TASK ITEM = Below are the entries. Transcribe exactly the lines from the one with "#79=IFCLOCALPLACEMENT(#14,#2);" through the one with "#115=IFCRELAGGREGATES('0000000000000000000014',$,$,$,#8,(#16));", ends included, and leave out all others.

+++ DATA RECORDS

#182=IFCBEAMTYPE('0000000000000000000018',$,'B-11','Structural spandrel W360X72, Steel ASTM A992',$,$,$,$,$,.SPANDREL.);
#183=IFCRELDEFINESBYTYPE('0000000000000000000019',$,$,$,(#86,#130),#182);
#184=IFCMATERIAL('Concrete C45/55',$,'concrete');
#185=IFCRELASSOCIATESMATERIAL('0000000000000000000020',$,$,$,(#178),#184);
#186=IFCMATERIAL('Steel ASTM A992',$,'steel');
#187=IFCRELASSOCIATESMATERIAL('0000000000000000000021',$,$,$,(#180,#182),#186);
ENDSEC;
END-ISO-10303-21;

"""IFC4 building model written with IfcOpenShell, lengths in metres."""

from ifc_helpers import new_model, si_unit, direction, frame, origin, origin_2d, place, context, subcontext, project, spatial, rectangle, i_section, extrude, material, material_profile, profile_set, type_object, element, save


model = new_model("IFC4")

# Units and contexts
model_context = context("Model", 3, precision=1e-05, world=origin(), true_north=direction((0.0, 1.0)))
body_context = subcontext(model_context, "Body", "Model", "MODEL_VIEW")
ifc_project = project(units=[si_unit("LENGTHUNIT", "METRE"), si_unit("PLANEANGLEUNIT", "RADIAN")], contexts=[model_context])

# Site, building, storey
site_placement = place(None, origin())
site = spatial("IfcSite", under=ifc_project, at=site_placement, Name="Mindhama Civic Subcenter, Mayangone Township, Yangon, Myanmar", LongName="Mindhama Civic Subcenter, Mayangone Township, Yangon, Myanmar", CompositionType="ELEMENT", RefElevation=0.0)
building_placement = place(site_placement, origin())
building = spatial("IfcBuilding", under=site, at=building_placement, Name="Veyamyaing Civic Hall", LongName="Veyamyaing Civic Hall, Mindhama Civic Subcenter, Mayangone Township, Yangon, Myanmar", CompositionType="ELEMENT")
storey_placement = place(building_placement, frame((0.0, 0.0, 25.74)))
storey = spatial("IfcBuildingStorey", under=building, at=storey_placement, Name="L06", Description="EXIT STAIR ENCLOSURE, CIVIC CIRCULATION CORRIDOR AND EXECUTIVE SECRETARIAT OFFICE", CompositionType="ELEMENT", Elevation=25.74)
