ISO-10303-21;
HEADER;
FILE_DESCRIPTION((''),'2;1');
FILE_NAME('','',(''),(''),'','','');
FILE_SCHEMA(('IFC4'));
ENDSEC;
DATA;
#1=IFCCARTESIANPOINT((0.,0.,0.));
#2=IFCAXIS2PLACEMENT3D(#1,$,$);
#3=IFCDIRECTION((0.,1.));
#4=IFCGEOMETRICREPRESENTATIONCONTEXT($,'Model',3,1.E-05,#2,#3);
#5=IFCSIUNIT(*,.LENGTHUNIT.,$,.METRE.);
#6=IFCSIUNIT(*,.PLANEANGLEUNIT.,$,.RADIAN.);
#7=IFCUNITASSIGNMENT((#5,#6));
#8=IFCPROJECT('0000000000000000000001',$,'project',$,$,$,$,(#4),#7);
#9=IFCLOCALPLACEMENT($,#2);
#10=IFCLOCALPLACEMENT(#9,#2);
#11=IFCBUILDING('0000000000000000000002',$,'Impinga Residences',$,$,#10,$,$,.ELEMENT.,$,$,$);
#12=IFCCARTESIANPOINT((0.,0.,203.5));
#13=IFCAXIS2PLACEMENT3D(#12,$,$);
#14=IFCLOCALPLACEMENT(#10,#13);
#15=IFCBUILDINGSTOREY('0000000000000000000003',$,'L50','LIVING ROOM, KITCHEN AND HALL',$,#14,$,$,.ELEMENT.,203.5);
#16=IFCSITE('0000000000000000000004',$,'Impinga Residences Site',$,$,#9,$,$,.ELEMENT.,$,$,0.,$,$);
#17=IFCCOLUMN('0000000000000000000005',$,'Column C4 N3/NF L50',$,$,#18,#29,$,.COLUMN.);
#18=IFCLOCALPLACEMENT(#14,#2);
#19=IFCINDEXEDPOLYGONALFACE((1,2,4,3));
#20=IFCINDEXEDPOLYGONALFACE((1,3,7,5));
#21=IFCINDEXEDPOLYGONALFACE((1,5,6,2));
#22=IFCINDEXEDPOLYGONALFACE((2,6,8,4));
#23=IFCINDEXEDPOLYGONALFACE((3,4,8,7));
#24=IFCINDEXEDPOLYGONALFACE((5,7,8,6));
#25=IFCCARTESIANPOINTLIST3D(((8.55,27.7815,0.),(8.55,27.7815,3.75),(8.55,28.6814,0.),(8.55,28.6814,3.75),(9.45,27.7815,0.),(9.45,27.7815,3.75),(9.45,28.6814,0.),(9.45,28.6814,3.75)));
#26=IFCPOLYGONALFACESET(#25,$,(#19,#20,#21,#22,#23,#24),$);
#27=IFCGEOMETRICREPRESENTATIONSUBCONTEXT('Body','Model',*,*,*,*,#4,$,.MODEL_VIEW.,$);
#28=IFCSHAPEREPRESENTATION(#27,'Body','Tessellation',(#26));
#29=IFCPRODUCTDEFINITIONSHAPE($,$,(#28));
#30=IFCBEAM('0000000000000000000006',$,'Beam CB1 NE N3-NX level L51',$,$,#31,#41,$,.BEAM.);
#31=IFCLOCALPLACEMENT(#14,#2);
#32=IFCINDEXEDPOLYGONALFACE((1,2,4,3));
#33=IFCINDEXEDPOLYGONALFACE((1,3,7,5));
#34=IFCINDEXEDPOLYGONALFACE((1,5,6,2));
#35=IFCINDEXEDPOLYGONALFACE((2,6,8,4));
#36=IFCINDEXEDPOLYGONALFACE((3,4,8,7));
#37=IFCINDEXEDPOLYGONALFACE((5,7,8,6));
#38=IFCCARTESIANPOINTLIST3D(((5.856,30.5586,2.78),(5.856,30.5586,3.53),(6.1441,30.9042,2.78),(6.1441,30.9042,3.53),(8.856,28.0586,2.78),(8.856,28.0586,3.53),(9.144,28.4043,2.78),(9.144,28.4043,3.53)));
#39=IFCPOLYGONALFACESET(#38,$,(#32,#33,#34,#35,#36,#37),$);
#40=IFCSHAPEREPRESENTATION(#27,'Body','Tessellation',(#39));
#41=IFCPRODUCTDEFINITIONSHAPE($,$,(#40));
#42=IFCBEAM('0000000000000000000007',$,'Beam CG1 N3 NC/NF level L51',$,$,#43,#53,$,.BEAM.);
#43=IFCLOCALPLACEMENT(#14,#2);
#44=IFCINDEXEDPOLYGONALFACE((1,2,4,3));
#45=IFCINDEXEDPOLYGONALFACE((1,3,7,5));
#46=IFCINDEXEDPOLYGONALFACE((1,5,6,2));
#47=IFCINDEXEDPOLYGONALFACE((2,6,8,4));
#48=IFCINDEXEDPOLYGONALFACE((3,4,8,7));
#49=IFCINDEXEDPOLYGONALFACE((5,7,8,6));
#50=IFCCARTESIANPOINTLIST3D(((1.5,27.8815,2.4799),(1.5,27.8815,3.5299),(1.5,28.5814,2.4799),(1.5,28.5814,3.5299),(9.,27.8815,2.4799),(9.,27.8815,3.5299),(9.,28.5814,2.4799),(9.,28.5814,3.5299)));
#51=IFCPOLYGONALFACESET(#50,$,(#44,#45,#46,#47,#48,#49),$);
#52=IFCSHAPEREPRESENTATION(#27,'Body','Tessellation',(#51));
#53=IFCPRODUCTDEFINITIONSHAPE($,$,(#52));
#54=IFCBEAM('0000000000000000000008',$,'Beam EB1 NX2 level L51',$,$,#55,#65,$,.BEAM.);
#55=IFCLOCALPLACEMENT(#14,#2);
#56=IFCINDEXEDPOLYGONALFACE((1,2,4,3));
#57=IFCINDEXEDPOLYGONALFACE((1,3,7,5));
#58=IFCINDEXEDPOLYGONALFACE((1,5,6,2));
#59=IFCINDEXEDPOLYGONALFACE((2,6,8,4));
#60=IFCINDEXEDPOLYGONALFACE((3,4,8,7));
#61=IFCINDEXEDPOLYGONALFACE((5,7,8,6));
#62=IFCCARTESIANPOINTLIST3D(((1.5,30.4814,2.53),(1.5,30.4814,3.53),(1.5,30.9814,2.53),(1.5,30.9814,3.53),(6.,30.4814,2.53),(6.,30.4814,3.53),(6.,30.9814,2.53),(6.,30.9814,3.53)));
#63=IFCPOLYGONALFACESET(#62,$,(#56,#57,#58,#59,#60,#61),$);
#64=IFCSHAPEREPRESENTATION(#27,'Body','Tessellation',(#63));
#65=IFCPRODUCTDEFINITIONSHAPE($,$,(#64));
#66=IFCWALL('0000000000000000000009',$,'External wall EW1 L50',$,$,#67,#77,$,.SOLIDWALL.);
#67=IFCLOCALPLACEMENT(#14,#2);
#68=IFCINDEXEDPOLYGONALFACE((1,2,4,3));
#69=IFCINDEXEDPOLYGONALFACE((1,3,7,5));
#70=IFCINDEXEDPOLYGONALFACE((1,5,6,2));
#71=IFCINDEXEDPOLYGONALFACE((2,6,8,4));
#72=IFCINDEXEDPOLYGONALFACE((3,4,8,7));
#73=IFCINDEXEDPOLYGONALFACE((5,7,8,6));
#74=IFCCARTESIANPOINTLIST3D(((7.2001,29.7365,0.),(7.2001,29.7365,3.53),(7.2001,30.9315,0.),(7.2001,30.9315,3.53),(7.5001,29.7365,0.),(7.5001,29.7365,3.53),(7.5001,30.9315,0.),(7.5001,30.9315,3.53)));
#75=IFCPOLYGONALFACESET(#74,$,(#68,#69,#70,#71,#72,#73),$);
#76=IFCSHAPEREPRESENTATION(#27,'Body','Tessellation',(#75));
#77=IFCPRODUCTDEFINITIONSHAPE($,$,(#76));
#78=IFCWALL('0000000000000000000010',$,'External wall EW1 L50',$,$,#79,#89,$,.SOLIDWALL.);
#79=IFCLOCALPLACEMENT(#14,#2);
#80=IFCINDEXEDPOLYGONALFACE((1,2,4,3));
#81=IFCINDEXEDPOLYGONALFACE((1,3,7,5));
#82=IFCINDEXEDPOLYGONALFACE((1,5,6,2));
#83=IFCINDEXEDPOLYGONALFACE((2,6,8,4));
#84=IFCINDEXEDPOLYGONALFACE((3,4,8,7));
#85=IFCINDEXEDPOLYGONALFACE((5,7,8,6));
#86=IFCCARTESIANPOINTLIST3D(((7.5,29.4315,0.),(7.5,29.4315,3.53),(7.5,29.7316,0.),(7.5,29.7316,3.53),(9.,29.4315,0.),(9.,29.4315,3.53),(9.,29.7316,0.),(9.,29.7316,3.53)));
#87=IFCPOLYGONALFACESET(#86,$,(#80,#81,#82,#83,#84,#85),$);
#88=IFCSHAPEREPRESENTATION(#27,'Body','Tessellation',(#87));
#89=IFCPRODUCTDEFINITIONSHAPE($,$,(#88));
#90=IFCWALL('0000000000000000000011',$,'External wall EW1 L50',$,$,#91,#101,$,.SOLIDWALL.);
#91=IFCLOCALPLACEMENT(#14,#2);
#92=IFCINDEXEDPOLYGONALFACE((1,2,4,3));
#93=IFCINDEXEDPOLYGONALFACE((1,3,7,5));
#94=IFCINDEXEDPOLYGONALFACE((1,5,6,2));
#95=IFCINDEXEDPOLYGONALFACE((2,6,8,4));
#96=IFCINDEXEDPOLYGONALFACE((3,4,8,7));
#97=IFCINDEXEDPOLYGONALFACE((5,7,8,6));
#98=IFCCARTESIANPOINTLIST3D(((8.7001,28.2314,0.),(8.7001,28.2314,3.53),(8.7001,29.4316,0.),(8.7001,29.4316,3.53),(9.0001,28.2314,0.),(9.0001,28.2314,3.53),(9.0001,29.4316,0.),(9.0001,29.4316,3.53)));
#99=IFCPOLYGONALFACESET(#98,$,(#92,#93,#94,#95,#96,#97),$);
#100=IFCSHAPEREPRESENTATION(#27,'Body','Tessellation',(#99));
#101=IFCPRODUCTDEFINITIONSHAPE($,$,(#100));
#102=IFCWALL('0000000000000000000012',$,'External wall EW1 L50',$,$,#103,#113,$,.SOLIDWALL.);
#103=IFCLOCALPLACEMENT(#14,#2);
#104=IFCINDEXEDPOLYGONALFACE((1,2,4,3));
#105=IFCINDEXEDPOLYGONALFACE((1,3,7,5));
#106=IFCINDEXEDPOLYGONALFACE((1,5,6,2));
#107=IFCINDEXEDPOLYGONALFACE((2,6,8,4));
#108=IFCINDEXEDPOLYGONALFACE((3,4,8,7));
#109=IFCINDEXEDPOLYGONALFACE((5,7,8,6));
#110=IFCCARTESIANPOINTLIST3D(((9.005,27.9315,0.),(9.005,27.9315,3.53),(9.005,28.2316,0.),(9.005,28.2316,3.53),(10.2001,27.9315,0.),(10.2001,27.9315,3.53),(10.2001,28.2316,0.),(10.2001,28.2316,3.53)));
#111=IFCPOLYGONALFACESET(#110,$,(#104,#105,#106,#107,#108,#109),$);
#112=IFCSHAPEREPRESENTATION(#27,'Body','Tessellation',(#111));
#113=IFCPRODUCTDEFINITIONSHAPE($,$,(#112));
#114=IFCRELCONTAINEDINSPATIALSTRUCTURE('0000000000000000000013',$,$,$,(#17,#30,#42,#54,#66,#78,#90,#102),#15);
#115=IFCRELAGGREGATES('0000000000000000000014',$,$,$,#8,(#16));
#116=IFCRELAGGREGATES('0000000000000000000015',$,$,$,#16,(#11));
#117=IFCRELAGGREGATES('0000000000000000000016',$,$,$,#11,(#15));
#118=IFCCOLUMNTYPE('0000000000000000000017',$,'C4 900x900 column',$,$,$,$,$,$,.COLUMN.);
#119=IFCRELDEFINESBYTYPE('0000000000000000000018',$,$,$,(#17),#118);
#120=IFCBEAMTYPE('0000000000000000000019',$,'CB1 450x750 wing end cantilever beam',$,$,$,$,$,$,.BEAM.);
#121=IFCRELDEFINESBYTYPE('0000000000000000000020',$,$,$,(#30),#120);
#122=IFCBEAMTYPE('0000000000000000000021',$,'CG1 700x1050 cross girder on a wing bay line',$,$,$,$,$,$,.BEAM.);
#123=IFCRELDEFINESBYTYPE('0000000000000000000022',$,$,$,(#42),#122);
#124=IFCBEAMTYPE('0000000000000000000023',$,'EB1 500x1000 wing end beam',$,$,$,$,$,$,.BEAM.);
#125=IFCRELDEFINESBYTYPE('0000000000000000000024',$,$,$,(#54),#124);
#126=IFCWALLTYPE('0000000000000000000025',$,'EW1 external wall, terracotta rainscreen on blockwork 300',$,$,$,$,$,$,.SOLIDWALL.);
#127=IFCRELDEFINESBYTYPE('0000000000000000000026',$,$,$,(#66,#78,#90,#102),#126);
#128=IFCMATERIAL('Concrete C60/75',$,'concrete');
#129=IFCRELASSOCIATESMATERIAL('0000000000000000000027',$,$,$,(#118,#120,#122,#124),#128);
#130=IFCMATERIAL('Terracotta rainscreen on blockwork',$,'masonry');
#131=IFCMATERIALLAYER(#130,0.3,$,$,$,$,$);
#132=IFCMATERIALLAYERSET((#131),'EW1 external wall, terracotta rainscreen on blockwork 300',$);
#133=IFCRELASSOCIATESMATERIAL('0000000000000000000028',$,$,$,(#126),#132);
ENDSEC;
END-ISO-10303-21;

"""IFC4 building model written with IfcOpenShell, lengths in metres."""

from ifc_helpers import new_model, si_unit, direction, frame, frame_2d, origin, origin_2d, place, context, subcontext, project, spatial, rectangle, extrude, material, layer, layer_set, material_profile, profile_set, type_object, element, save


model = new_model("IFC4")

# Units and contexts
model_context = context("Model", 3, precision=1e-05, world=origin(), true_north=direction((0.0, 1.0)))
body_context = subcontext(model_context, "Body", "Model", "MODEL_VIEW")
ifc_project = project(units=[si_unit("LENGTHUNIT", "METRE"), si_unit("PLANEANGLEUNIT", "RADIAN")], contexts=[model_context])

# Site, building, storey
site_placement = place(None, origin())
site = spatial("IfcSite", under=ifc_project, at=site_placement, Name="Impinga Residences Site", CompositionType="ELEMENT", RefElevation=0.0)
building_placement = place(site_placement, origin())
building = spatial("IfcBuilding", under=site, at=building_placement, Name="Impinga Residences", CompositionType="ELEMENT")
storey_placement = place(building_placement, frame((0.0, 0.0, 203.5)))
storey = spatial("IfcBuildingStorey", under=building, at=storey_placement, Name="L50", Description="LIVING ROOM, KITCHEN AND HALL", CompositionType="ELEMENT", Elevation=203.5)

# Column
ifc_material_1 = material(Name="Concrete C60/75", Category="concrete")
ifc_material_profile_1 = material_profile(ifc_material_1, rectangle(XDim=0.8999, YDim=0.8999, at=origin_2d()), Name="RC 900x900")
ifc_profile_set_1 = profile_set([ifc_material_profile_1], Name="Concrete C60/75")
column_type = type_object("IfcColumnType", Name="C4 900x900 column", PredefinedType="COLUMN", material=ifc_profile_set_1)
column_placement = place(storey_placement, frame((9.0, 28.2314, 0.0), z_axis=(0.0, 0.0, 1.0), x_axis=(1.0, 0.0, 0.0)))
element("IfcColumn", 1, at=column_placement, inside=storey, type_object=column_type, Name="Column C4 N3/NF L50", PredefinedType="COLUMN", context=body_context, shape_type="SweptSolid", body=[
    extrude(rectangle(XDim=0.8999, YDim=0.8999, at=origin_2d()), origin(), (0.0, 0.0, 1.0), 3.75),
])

++++++

WRITTEN ANSWER =
#79=IFCLOCALPLACEMENT(#14,#2);
#80=IFCINDEXEDPOLYGONALFACE((1,2,4,3));
#81=IFCINDEXEDPOLYGONALFACE((1,3,7,5));
#82=IFCINDEXEDPOLYGONALFACE((1,5,6,2));
#83=IFCINDEXEDPOLYGONALFACE((2,6,8,4));
#84=IFCINDEXEDPOLYGONALFACE((3,4,8,7));
#85=IFCINDEXEDPOLYGONALFACE((5,7,8,6));
#86=IFCCARTESIANPOINTLIST3D(((7.5,29.4315,0.),(7.5,29.4315,3.53),(7.5,29.7316,0.),(7.5,29.7316,3.53),(9.,29.4315,0.),(9.,29.4315,3.53),(9.,29.7316,0.),(9.,29.7316,3.53)));
#87=IFCPOLYGONALFACESET(#86,$,(#80,#81,#82,#83,#84,#85),$);
#88=IFCSHAPEREPRESENTATION(#27,'Body','Tessellation',(#87));
#89=IFCPRODUCTDEFINITIONSHAPE($,$,(#88));
#90=IFCWALL('0000000000000000000011',$,'External wall EW1 L50',$,$,#91,#101,$,.SOLIDWALL.);
#91=IFCLOCALPLACEMENT(#14,#2);
#92=IFCINDEXEDPOLYGONALFACE((1,2,4,3));
#93=IFCINDEXEDPOLYGONALFACE((1,3,7,5));
#94=IFCINDEXEDPOLYGONALFACE((1,5,6,2));
#95=IFCINDEXEDPOLYGONALFACE((2,6,8,4));
#96=IFCINDEXEDPOLYGONALFACE((3,4,8,7));
#97=IFCINDEXEDPOLYGONALFACE((5,7,8,6));
#98=IFCCARTESIANPOINTLIST3D(((8.7001,28.2314,0.),(8.7001,28.2314,3.53),(8.7001,29.4316,0.),(8.7001,29.4316,3.53),(9.0001,28.2314,0.),(9.0001,28.2314,3.53),(9.0001,29.4316,0.),(9.0001,29.4316,3.53)));
#99=IFCPOLYGONALFACESET(#98,$,(#92,#93,#94,#95,#96,#97),$);
#100=IFCSHAPEREPRESENTATION(#27,'Body','Tessellation',(#99));
#101=IFCPRODUCTDEFINITIONSHAPE($,$,(#100));
#102=IFCWALL('0000000000000000000012',$,'External wall EW1 L50',$,$,#103,#113,$,.SOLIDWALL.);
#103=IFCLOCALPLACEMENT(#14,#2);
#104=IFCINDEXEDPOLYGONALFACE((1,2,4,3));
#105=IFCINDEXEDPOLYGONALFACE((1,3,7,5));
#106=IFCINDEXEDPOLYGONALFACE((1,5,6,2));
#107=IFCINDEXEDPOLYGONALFACE((2,6,8,4));
#108=IFCINDEXEDPOLYGONALFACE((3,4,8,7));
#109=IFCINDEXEDPOLYGONALFACE((5,7,8,6));
#110=IFCCARTESIANPOINTLIST3D(((9.005,27.9315,0.),(9.005,27.9315,3.53),(9.005,28.2316,0.),(9.005,28.2316,3.53),(10.2001,27.9315,0.),(10.2001,27.9315,3.53),(10.2001,28.2316,0.),(10.2001,28.2316,3.53)));
#111=IFCPOLYGONALFACESET(#110,$,(#104,#105,#106,#107,#108,#109),$);
#112=IFCSHAPEREPRESENTATION(#27,'Body','Tessellation',(#111));
#113=IFCPRODUCTDEFINITIONSHAPE($,$,(#112));
#114=IFCRELCONTAINEDINSPATIALSTRUCTURE('0000000000000000000013',$,$,$,(#17,#30,#42,#54,#66,#78,#90,#102),#15);
#115=IFCRELAGGREGATES('0000000000000000000014',$,$,$,#8,(#16));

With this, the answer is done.